WHAT IS REQUIRED
Set down, character for character, everything in the records below from the line holding "#128=IFCINDEXEDPOLYGONALFACE((1,2,4,3));" down to the line holding "#137=IFCPRODUCTDEFINITIONSHAPE($,$,(#136));", and no other line.

━━ DATA EXTRACTS ━━

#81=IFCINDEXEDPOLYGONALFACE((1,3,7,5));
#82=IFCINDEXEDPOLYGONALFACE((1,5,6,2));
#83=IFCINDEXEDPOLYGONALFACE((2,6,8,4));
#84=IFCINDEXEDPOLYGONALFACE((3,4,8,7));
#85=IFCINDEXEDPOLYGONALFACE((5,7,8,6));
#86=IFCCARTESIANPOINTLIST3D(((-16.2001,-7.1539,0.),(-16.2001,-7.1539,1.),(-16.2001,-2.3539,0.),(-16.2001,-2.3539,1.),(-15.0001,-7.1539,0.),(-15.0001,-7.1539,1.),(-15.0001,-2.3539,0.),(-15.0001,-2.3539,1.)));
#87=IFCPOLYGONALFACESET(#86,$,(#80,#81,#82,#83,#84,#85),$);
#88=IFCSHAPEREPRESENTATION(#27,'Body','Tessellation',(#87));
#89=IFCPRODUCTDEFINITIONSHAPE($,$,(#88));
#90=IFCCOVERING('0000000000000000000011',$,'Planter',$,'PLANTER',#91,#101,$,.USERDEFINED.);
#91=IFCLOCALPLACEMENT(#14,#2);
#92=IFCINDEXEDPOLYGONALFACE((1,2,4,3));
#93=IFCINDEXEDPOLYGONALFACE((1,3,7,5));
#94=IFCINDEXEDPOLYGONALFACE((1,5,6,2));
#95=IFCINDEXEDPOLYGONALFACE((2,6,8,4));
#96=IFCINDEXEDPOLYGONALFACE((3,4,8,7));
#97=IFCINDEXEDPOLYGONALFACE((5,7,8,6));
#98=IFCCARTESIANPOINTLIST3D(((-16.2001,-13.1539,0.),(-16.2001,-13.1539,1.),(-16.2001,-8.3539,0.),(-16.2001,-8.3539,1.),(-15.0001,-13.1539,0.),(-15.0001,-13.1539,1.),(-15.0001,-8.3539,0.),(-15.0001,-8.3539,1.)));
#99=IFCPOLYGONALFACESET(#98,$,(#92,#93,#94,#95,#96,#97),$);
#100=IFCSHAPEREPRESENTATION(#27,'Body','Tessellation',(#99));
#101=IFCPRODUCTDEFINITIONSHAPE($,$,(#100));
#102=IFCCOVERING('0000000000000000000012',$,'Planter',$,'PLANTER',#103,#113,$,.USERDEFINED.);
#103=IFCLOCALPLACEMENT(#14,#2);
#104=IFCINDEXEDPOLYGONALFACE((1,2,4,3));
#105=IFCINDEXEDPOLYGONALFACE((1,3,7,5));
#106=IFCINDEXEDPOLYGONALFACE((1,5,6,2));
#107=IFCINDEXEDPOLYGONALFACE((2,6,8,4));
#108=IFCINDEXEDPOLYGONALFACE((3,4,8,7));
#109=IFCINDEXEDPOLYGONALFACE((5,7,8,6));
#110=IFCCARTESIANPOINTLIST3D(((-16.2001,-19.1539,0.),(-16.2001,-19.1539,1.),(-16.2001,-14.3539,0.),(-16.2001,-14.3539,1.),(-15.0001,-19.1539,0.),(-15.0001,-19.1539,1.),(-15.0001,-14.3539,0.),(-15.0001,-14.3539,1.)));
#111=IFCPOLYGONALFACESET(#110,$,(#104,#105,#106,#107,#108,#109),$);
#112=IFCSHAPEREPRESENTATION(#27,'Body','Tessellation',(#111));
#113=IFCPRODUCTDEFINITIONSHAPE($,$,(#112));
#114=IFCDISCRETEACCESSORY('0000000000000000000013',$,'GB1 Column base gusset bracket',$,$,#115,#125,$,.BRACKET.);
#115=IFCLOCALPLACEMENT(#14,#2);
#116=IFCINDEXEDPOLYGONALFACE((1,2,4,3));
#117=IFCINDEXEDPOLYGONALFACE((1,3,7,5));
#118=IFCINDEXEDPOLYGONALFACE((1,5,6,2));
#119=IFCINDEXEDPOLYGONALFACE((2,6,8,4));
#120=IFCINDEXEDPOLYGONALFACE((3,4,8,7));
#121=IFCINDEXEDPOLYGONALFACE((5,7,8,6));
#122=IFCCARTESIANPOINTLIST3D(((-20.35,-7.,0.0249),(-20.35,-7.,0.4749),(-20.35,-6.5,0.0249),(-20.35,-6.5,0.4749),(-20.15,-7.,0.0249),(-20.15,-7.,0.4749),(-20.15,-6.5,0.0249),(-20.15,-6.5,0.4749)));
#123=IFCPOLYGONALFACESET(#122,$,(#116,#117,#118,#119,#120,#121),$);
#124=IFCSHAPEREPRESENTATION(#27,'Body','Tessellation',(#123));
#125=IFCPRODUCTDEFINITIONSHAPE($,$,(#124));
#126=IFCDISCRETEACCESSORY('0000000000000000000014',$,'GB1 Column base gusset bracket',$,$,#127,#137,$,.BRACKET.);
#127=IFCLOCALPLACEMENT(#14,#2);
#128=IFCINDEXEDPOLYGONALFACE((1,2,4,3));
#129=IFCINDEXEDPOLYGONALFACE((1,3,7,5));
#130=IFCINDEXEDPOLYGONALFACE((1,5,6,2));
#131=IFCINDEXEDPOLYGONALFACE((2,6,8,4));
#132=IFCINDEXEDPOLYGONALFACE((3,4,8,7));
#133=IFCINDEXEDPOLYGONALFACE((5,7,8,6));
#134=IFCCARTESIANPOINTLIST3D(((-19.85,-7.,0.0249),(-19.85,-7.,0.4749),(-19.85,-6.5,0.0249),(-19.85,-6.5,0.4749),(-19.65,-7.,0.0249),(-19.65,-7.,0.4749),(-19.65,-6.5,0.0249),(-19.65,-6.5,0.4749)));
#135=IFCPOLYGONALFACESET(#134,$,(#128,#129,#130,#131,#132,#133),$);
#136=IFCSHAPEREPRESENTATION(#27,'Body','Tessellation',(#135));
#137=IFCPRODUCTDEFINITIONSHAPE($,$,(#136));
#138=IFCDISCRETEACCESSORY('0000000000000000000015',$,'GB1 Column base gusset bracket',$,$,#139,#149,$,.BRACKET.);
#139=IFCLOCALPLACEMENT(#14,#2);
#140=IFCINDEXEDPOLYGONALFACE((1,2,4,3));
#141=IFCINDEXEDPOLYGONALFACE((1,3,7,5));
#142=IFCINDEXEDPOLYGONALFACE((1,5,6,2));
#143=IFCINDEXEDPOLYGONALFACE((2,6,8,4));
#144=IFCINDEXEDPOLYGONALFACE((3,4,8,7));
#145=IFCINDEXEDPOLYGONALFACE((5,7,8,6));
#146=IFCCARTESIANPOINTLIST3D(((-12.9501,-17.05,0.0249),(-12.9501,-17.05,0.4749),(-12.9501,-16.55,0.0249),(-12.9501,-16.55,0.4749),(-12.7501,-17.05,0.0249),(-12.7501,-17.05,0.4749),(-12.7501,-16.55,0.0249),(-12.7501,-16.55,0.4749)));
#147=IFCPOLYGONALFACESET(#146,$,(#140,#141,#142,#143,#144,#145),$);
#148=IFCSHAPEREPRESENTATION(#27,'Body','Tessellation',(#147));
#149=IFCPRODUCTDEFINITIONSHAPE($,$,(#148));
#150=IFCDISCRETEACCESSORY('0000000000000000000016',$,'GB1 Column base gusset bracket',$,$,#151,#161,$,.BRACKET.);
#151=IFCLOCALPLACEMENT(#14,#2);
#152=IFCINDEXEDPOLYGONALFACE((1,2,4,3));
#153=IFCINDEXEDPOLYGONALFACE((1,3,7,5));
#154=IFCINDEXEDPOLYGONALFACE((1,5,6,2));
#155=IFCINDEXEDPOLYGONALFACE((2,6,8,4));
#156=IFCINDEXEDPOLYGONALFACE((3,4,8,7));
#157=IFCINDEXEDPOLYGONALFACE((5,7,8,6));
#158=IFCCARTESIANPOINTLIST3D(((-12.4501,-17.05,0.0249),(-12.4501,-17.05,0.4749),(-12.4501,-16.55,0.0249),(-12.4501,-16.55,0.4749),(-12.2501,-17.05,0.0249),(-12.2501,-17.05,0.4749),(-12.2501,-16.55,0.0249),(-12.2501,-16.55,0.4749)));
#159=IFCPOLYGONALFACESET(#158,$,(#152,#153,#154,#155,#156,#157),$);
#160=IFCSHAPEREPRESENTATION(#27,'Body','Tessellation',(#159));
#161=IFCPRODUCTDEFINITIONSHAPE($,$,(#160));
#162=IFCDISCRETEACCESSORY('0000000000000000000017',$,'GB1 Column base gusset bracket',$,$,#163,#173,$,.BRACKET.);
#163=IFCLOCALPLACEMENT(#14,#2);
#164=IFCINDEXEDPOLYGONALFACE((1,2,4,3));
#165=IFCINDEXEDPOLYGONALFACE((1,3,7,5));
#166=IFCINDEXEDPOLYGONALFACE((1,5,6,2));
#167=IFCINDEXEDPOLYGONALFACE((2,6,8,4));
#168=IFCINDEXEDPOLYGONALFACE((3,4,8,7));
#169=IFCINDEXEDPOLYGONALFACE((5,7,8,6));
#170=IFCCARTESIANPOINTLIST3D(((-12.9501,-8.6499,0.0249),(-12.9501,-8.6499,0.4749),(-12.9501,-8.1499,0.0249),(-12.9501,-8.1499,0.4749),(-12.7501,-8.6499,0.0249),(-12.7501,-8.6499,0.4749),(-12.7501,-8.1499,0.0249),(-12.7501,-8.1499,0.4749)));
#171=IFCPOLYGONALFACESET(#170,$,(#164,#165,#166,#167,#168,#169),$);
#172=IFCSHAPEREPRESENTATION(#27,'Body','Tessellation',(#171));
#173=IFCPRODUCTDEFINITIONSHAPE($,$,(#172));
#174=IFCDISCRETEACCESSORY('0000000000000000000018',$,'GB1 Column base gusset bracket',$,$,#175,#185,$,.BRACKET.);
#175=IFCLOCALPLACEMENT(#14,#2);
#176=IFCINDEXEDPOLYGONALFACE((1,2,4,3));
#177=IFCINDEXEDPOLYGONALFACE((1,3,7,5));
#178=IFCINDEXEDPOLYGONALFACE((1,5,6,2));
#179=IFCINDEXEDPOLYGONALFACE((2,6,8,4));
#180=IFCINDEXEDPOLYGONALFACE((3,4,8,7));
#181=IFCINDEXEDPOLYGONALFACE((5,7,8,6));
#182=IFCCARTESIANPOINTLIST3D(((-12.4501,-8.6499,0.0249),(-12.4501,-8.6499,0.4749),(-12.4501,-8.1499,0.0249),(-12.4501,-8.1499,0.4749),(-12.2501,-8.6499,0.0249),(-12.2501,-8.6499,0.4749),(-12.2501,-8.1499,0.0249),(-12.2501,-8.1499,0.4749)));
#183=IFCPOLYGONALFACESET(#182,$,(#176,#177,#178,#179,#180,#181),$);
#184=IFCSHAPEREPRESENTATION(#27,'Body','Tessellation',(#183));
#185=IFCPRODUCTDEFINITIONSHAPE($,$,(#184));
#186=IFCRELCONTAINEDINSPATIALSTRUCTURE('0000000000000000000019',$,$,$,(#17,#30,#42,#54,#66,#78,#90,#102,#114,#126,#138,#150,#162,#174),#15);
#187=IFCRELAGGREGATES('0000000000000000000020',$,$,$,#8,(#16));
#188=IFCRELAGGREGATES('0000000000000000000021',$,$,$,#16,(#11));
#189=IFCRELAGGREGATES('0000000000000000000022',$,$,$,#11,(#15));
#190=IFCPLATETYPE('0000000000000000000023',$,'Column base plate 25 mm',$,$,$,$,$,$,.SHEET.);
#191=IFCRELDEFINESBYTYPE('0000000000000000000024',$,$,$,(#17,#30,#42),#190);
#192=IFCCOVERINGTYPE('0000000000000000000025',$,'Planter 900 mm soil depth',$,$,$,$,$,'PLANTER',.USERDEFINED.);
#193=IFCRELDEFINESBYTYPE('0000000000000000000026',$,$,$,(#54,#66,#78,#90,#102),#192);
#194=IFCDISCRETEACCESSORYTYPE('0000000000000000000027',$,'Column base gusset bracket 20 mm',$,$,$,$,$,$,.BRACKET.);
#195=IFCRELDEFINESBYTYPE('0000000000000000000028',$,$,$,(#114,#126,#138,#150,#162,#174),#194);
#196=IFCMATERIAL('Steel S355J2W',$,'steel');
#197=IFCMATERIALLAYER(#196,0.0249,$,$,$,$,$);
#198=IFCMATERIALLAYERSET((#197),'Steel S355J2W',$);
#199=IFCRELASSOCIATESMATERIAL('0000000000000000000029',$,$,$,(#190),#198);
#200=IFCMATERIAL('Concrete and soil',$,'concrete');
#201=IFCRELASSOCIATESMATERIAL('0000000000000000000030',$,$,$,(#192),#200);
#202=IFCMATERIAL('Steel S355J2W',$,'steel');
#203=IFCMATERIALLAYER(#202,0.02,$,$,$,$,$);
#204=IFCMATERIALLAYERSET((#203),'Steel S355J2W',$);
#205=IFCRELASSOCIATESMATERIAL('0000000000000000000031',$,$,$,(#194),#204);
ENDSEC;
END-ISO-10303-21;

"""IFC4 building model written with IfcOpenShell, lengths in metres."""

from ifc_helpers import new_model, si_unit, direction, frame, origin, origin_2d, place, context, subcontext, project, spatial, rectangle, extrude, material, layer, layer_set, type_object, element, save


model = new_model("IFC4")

━━━
━━ DATA EXTRACTS ━━

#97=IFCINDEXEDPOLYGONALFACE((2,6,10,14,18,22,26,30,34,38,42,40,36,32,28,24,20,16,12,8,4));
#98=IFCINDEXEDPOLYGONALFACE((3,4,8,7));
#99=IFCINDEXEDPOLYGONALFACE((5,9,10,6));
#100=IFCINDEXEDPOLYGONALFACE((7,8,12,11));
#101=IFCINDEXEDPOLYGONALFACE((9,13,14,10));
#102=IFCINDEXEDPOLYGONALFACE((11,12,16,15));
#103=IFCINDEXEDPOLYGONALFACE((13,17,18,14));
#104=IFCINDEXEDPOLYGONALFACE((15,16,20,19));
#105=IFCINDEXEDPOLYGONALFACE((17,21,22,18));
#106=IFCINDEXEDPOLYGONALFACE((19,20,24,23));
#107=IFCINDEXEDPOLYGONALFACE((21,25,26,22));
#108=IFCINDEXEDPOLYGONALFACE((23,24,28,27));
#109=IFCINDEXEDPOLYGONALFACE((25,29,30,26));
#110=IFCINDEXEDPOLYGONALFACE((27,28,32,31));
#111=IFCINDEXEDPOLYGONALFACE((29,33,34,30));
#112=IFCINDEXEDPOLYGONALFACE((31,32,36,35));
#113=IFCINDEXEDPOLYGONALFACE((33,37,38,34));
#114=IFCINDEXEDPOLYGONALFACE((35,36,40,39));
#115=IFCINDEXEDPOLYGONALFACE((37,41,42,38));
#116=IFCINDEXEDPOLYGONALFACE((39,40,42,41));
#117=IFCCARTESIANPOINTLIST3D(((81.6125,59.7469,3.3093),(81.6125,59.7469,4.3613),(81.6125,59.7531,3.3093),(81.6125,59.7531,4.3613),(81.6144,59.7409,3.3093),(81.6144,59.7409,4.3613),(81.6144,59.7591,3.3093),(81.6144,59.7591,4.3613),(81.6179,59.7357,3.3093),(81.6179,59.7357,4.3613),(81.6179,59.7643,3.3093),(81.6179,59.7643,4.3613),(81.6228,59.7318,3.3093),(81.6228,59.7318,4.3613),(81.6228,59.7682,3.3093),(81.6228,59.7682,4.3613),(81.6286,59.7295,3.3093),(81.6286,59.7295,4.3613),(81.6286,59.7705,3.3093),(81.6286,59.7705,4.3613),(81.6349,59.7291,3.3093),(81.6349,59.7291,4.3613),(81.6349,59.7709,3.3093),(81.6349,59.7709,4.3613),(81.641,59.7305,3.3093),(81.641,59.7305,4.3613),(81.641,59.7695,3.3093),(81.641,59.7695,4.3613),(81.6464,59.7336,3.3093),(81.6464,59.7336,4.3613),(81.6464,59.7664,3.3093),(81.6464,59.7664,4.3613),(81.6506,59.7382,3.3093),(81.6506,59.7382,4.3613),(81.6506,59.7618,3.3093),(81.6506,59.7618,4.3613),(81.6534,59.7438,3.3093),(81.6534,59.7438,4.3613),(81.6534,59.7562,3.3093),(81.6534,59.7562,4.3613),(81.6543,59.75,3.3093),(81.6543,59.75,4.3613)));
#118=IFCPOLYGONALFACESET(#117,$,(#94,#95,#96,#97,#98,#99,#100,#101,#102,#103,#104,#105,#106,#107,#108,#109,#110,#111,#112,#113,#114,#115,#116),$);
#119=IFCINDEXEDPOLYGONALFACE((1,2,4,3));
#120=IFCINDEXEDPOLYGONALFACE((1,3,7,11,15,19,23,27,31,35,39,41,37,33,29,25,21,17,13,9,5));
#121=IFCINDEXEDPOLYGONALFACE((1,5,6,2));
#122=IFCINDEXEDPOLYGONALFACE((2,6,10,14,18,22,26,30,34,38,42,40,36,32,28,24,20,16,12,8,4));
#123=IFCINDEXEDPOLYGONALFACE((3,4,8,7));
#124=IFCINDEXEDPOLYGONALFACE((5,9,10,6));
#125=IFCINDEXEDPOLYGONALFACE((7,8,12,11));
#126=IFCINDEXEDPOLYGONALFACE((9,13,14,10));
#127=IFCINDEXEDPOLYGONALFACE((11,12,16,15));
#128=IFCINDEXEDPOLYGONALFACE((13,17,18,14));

━━━

RESPONSE AREA
#128=IFCINDEXEDPOLYGONALFACE((1,2,4,3));
#129=IFCINDEXEDPOLYGONALFACE((1,3,7,5));
#130=IFCINDEXEDPOLYGONALFACE((1,5,6,2));
#131=IFCINDEXEDPOLYGONALFACE((2,6,8,4));
#132=IFCINDEXEDPOLYGONALFACE((3,4,8,7));
#133=IFCINDEXEDPOLYGONALFACE((5,7,8,6));
#134=IFCCARTESIANPOINTLIST3D(((-19.85,-7.,0.0249),(-19.85,-7.,0.4749),(-19.85,-6.5,0.0249),(-19.85,-6.5,0.4749),(-19.65,-7.,0.0249),(-19.65,-7.,0.4749),(-19.65,-6.5,0.0249),(-19.65,-6.5,0.4749)));
#135=IFCPOLYGONALFACESET(#134,$,(#128,#129,#130,#131,#132,#133),$);
#136=IFCSHAPEREPRESENTATION(#27,'Body','Tessellation',(#135));
#137=IFCPRODUCTDEFINITIONSHAPE($,$,(#136));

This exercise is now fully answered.